[Saved entries]
═══
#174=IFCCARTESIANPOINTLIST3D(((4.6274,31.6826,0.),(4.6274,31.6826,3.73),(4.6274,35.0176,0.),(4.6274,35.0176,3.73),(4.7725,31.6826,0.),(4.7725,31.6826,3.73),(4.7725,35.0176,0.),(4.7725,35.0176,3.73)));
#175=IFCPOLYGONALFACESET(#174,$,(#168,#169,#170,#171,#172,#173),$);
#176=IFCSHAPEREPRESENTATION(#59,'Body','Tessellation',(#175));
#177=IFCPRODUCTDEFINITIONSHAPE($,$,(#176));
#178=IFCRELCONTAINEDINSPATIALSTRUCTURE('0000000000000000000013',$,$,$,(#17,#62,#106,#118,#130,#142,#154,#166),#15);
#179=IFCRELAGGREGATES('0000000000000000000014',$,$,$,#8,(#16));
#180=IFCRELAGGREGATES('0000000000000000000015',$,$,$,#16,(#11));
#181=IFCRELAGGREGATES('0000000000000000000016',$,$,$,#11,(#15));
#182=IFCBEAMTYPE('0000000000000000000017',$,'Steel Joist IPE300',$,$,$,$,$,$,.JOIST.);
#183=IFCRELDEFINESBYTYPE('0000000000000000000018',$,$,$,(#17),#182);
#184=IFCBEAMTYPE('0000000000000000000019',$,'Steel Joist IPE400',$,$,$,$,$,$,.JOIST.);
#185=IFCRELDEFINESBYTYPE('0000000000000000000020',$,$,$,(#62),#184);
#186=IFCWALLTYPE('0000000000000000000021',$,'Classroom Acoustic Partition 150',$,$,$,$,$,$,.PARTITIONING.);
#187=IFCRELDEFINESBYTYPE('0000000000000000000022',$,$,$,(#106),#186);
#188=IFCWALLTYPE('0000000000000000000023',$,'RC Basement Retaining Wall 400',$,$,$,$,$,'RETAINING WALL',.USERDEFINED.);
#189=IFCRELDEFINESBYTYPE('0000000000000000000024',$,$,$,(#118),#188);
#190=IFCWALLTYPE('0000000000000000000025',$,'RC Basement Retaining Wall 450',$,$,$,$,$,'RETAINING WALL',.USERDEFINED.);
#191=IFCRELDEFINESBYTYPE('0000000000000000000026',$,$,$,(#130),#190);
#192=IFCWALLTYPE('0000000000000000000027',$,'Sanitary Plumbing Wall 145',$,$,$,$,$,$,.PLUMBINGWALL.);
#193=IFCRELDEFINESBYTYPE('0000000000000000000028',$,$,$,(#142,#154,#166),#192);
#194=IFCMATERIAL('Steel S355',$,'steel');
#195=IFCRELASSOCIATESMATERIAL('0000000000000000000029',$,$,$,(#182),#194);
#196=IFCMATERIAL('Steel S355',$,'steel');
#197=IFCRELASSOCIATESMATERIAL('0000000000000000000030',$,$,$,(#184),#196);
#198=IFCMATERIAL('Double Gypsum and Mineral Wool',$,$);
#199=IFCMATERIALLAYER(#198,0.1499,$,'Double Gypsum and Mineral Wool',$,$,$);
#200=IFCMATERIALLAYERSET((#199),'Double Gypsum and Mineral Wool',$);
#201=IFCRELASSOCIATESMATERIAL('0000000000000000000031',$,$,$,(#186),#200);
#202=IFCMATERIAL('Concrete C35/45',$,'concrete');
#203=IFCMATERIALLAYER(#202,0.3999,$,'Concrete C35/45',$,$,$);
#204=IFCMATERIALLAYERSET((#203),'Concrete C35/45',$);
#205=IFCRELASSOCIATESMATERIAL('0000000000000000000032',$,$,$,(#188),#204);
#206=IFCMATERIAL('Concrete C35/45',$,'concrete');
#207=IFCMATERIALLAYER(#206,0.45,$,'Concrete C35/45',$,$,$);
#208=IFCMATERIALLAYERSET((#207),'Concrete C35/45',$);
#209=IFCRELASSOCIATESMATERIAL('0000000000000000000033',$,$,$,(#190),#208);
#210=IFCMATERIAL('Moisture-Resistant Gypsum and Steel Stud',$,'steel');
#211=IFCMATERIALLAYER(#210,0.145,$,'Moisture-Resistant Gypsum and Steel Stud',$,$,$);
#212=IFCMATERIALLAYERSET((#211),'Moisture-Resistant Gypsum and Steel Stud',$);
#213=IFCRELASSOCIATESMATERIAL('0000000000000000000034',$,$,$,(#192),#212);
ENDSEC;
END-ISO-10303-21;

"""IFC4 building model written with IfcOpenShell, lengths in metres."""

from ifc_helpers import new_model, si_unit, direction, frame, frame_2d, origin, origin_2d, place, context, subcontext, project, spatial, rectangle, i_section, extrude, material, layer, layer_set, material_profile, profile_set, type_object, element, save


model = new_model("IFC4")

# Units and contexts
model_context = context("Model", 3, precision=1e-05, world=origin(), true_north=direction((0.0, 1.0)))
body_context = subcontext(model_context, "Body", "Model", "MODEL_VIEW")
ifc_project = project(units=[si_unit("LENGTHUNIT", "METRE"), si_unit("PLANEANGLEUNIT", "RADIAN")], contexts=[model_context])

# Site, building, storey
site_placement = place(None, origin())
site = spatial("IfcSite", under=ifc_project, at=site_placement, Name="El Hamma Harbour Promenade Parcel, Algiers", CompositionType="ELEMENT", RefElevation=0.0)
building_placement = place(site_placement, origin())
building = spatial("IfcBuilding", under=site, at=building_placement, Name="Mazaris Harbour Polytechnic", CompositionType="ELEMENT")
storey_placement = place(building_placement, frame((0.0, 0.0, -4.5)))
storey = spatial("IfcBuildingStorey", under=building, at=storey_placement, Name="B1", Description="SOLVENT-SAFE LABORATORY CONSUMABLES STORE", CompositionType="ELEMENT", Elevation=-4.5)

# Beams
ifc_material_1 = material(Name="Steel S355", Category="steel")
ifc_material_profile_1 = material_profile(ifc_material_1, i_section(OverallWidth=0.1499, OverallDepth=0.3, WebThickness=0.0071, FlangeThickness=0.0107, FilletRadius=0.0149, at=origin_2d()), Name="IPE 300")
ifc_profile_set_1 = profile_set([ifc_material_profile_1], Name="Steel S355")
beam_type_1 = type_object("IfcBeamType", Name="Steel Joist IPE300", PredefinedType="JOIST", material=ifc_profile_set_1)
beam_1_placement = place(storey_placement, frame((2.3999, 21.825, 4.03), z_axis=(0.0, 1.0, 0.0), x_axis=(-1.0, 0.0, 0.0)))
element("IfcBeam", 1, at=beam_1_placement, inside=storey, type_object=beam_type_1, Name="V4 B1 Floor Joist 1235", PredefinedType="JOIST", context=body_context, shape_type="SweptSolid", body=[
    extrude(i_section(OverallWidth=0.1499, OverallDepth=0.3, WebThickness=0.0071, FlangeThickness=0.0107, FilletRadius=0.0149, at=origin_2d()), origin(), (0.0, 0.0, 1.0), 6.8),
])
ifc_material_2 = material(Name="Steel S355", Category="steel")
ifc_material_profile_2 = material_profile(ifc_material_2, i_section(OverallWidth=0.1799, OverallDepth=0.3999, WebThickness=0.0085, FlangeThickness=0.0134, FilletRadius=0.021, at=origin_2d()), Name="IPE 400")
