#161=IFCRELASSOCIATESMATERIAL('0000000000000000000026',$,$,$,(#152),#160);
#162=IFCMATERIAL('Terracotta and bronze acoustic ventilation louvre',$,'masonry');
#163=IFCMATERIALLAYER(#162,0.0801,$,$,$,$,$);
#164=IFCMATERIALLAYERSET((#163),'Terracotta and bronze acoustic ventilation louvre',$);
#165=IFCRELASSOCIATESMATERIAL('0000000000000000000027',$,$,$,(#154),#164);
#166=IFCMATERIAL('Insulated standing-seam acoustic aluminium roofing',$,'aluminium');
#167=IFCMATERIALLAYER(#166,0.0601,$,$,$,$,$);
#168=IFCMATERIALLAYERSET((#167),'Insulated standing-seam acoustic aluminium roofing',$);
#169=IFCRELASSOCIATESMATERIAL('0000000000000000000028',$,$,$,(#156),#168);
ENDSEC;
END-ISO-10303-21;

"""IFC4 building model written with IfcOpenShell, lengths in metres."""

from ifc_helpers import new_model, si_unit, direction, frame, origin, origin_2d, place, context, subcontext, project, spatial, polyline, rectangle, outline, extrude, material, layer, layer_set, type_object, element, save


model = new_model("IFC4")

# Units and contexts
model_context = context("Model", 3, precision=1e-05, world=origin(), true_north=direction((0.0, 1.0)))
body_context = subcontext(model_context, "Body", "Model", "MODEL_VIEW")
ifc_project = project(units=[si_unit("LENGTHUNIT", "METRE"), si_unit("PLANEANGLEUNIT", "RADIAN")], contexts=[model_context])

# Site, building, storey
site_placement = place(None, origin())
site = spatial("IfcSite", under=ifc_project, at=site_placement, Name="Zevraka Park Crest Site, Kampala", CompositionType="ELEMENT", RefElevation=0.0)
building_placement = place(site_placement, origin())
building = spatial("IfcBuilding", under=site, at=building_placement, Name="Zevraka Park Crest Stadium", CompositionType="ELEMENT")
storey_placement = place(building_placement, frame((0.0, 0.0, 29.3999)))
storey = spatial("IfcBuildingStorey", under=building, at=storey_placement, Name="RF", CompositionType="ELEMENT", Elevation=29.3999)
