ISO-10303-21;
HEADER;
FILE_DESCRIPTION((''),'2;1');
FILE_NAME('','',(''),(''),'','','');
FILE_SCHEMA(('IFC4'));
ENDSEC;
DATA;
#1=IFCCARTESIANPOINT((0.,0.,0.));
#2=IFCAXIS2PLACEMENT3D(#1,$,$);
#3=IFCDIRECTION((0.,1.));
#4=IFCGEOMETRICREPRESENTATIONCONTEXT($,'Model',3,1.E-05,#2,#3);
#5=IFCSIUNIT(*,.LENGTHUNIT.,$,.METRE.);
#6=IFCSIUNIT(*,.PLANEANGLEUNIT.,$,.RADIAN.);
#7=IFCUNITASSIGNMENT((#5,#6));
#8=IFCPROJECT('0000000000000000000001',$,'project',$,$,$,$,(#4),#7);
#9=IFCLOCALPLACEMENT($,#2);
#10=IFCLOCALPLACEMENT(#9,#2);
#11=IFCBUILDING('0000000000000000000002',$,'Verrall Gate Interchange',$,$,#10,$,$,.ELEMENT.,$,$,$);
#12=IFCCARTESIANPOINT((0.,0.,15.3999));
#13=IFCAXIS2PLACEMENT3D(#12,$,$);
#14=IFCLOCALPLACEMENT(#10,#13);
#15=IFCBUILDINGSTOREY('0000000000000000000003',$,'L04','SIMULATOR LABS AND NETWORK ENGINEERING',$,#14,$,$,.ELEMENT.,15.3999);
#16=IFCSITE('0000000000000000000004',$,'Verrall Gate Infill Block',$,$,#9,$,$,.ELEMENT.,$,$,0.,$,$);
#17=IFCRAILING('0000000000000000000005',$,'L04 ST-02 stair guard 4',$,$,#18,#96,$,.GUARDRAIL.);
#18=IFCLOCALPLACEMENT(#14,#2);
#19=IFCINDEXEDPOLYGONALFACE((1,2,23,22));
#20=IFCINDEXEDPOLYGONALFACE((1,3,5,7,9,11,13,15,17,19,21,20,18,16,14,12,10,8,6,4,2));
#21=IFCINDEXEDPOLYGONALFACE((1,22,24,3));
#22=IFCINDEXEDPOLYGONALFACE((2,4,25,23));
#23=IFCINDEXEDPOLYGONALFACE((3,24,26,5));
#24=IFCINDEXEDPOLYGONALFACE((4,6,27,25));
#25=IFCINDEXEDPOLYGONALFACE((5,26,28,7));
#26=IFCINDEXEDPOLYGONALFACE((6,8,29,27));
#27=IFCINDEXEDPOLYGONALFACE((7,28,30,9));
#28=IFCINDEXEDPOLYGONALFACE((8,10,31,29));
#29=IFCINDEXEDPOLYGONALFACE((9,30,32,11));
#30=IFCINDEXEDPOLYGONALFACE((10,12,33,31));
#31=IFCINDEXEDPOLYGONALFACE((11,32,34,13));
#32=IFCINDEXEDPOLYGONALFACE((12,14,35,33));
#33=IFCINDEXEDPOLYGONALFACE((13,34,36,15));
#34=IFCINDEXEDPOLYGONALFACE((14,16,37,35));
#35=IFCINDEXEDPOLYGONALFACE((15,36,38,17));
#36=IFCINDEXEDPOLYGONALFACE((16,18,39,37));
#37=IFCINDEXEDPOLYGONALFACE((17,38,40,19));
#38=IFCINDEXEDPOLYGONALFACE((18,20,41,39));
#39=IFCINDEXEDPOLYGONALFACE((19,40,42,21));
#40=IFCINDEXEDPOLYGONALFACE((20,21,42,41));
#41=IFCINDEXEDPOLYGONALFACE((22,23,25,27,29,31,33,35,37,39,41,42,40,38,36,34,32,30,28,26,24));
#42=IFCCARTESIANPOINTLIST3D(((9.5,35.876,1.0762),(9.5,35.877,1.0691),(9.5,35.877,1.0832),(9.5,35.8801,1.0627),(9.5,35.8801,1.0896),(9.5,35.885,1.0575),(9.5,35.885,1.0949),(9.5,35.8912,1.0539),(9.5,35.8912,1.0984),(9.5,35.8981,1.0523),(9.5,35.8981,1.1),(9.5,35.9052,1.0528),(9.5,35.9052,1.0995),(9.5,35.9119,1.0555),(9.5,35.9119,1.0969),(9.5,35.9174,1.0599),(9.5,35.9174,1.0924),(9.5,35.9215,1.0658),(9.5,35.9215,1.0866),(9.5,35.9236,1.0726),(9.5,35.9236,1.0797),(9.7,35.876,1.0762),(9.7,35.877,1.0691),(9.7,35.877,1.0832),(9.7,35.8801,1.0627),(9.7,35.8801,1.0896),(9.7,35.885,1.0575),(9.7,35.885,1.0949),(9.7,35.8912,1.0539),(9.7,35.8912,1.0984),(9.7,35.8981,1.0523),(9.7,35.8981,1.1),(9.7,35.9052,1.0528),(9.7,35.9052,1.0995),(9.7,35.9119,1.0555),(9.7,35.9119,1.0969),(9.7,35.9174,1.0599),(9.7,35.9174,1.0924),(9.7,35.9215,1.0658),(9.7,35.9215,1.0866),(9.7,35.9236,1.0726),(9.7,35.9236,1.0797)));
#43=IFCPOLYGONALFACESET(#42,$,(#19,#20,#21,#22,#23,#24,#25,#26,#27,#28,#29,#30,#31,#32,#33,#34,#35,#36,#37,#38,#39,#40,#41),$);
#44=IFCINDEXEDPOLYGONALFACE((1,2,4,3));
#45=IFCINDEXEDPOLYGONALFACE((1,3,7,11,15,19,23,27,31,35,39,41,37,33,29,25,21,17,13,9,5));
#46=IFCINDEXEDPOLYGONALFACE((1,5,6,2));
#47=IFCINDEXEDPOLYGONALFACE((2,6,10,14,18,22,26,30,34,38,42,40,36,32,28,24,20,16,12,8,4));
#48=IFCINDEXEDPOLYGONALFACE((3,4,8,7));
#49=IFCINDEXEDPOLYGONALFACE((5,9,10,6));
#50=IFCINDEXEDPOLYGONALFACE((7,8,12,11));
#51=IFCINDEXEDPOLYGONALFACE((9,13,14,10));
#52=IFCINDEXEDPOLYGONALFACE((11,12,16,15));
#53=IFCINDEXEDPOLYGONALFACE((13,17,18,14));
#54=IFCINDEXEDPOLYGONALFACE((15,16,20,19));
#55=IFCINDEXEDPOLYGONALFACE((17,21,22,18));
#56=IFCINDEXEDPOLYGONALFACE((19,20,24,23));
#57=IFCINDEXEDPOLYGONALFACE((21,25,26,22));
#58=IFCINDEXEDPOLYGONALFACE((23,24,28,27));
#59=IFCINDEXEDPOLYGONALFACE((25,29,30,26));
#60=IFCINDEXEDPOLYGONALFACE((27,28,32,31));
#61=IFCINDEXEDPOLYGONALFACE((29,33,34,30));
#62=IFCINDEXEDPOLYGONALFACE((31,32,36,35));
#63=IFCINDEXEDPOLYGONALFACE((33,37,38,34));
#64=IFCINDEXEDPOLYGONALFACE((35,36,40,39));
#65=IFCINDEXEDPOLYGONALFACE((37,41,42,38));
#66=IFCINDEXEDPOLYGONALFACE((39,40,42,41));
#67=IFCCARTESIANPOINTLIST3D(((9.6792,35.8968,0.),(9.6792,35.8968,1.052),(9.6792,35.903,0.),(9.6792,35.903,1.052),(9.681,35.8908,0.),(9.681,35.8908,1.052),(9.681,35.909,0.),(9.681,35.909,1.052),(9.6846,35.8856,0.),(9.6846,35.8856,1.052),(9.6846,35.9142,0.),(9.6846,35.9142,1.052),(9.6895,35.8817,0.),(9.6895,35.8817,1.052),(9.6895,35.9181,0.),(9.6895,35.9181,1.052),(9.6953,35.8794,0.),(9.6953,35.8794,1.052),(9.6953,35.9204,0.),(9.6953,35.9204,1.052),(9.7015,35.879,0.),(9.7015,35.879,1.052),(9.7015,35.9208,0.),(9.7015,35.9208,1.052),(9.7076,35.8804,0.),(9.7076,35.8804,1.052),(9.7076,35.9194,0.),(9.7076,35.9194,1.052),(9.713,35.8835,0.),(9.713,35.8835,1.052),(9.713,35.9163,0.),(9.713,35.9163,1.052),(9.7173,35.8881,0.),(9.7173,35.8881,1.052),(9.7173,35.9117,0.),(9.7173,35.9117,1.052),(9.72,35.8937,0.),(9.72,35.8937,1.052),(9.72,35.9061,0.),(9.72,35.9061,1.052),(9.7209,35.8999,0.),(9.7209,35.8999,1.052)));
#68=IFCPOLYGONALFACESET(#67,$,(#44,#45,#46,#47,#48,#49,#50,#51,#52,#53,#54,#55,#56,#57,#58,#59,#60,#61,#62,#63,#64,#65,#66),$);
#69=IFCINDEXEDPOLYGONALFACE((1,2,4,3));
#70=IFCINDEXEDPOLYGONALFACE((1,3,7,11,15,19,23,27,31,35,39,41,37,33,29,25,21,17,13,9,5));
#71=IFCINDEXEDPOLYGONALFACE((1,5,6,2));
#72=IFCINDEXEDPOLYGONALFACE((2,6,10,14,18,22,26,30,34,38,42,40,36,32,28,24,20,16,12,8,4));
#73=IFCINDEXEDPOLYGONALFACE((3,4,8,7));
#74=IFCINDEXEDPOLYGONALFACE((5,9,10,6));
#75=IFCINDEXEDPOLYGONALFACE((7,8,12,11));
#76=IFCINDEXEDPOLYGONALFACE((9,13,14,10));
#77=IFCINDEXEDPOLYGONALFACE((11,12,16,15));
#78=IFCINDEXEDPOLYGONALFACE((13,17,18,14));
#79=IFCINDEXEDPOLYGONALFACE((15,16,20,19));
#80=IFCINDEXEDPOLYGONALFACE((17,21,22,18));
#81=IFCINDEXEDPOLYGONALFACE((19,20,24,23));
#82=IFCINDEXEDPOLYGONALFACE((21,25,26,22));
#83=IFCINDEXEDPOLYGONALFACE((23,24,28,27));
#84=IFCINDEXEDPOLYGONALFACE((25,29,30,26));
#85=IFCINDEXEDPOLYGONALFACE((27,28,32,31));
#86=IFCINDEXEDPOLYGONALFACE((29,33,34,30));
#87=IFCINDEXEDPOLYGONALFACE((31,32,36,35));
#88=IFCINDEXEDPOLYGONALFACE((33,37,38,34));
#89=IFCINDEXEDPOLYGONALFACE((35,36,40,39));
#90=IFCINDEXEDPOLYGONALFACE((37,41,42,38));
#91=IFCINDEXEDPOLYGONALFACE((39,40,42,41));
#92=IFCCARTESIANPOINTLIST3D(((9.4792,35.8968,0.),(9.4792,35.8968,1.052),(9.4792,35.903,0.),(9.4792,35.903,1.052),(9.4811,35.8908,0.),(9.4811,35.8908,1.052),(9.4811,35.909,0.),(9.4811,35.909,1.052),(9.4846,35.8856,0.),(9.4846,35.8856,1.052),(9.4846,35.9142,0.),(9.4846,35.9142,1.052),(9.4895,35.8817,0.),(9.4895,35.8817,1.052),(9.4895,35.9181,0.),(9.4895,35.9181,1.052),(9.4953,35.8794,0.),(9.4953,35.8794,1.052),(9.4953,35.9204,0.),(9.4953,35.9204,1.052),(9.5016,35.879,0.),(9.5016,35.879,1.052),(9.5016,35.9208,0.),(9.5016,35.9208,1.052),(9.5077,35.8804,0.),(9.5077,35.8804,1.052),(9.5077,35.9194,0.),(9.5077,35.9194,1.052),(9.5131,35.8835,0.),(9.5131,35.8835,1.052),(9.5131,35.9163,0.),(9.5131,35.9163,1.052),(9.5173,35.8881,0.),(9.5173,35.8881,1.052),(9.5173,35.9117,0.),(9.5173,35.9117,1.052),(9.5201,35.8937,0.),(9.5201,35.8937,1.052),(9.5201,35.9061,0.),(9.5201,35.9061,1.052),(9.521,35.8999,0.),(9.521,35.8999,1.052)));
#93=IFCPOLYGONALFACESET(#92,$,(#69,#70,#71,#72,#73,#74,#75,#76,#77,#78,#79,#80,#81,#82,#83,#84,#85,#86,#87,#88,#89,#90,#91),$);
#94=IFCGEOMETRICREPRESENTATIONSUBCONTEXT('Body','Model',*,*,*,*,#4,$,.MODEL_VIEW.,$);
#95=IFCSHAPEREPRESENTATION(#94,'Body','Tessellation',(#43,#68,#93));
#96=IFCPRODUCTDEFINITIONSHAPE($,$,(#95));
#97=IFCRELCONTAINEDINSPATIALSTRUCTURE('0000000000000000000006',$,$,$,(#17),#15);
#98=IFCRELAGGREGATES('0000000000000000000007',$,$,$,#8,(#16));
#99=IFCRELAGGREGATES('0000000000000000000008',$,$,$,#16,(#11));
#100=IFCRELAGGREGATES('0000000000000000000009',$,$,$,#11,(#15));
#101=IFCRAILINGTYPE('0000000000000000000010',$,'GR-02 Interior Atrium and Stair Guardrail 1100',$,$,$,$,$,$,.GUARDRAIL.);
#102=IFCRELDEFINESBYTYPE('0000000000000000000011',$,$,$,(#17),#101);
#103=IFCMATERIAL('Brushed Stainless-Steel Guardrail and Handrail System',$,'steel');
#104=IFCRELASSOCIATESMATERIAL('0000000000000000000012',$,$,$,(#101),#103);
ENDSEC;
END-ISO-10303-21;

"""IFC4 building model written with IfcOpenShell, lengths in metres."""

from ifc_helpers import new_model, si_unit, direction, frame, origin, origin_2d, place, context, subcontext, project, spatial, circle, extrude, material, type_object, element, save


model = new_model("IFC4")

# Units and contexts
model_context = context("Model", 3, precision=1e-05, world=origin(), true_north=direction((0.0, 1.0)))
body_context = subcontext(model_context, "Body", "Model", "MODEL_VIEW")
ifc_project = project(units=[si_unit("LENGTHUNIT", "METRE"), si_unit("PLANEANGLEUNIT", "RADIAN")], contexts=[model_context])

# Site, building, storey
site_placement = place(None, origin())
site = spatial("IfcSite", under=ifc_project, at=site_placement, Name="Verrall Gate Infill Block", CompositionType="ELEMENT", RefElevation=0.0)
building_placement = place(site_placement, origin())
building = spatial("IfcBuilding", under=site, at=building_placement, Name="Verrall Gate Interchange", CompositionType="ELEMENT")
storey_placement = place(building_placement, frame((0.0, 0.0, 15.3999)))
storey = spatial("IfcBuildingStorey", under=building, at=storey_placement, Name="L04", Description="SIMULATOR LABS AND NETWORK ENGINEERING", CompositionType="ELEMENT", Elevation=15.3999)

# Railing
ifc_material_1 = material(Name="Brushed Stainless-Steel Guardrail and Handrail System", Category="steel")
railing_type_1 = type_object("IfcRailingType", Name="GR-02 Interior Atrium and Stair Guardrail 1100", PredefinedType="GUARDRAIL", material=ifc_material_1)
railing_1_placement = place(storey_placement, frame((9.7, 35.8999, 0.0)))
element("IfcRailing", 1, at=railing_1_placement, inside=storey, type_object=railing_type_1, Name="L04 ST-02 stair guard 4", PredefinedType="GUARDRAIL", context=body_context, shape_type="SweptSolid", body=[
    extrude(circle(Radius=0.0239, at=origin_2d()), frame((0.0, 0.0, 1.0762), z_axis=(-1.0, 0.0, 0.0), x_axis=(0.0, -1.0, 0.0)), (0.0, 0.0, 1.0), 0.2),
    extrude(circle(Radius=0.021, at=origin_2d()), origin(), (0.0, 0.0, 1.0), 1.052),
    extrude(circle(Radius=0.021, at=origin_2d()), frame((-0.2, 0.0, 0.0)), (0.0, 0.0, 1.0), 1.052),
])

save(model, "model.ifc")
═══
- _EXERCISE_:
Return a word-for-word copy of the lines above from the one holding "#180=IFCRELAGGREGATES('0000000000000000000015',$,$,$,#16,(#11));" through the one holding "#198=IFCMATERIAL('Double Gypsum and", with both of them included and nothing besides.

- _RESPONSE AREA_:
#180=IFCRELAGGREGATES('0000000000000000000015',$,$,$,#16,(#11));
#181=IFCRELAGGREGATES('0000000000000000000016',$,$,$,#11,(#15));
#182=IFCBEAMTYPE('0000000000000000000017',$,'Steel Joist IPE300',$,$,$,$,$,$,.JOIST.);
#183=IFCRELDEFINESBYTYPE('0000000000000000000018',$,$,$,(#17),#182);
#184=IFCBEAMTYPE('0000000000000000000019',$,'Steel Joist IPE400',$,$,$,$,$,$,.JOIST.);
#185=IFCRELDEFINESBYTYPE('0000000000000000000020',$,$,$,(#62),#184);
#186=IFCWALLTYPE('0000000000000000000021',$,'Classroom Acoustic Partition 150',$,$,$,$,$,$,.PARTITIONING.);
#187=IFCRELDEFINESBYTYPE('0000000000000000000022',$,$,$,(#106),#186);
#188=IFCWALLTYPE('0000000000000000000023',$,'RC Basement Retaining Wall 400',$,$,$,$,$,'RETAINING WALL',.USERDEFINED.);
#189=IFCRELDEFINESBYTYPE('0000000000000000000024',$,$,$,(#118),#188);
#190=IFCWALLTYPE('0000000000000000000025',$,'RC Basement Retaining Wall 450',$,$,$,$,$,'RETAINING WALL',.USERDEFINED.);
#191=IFCRELDEFINESBYTYPE('0000000000000000000026',$,$,$,(#130),#190);
#192=IFCWALLTYPE('0000000000000000000027',$,'Sanitary Plumbing Wall 145',$,$,$,$,$,$,.PLUMBINGWALL.);
#193=IFCRELDEFINESBYTYPE('0000000000000000000028',$,$,$,(#142,#154,#166),#192);
#194=IFCMATERIAL('Steel S355',$,'steel');
#195=IFCRELASSOCIATESMATERIAL('0000000000000000000029',$,$,$,(#182),#194);
#196=IFCMATERIAL('Steel S355',$,'steel');
#197=IFCRELASSOCIATESMATERIAL('0000000000000000000030',$,$,$,(#184),#196);
#198=IFCMATERIAL('Double Gypsum and Mineral Wool',$,$);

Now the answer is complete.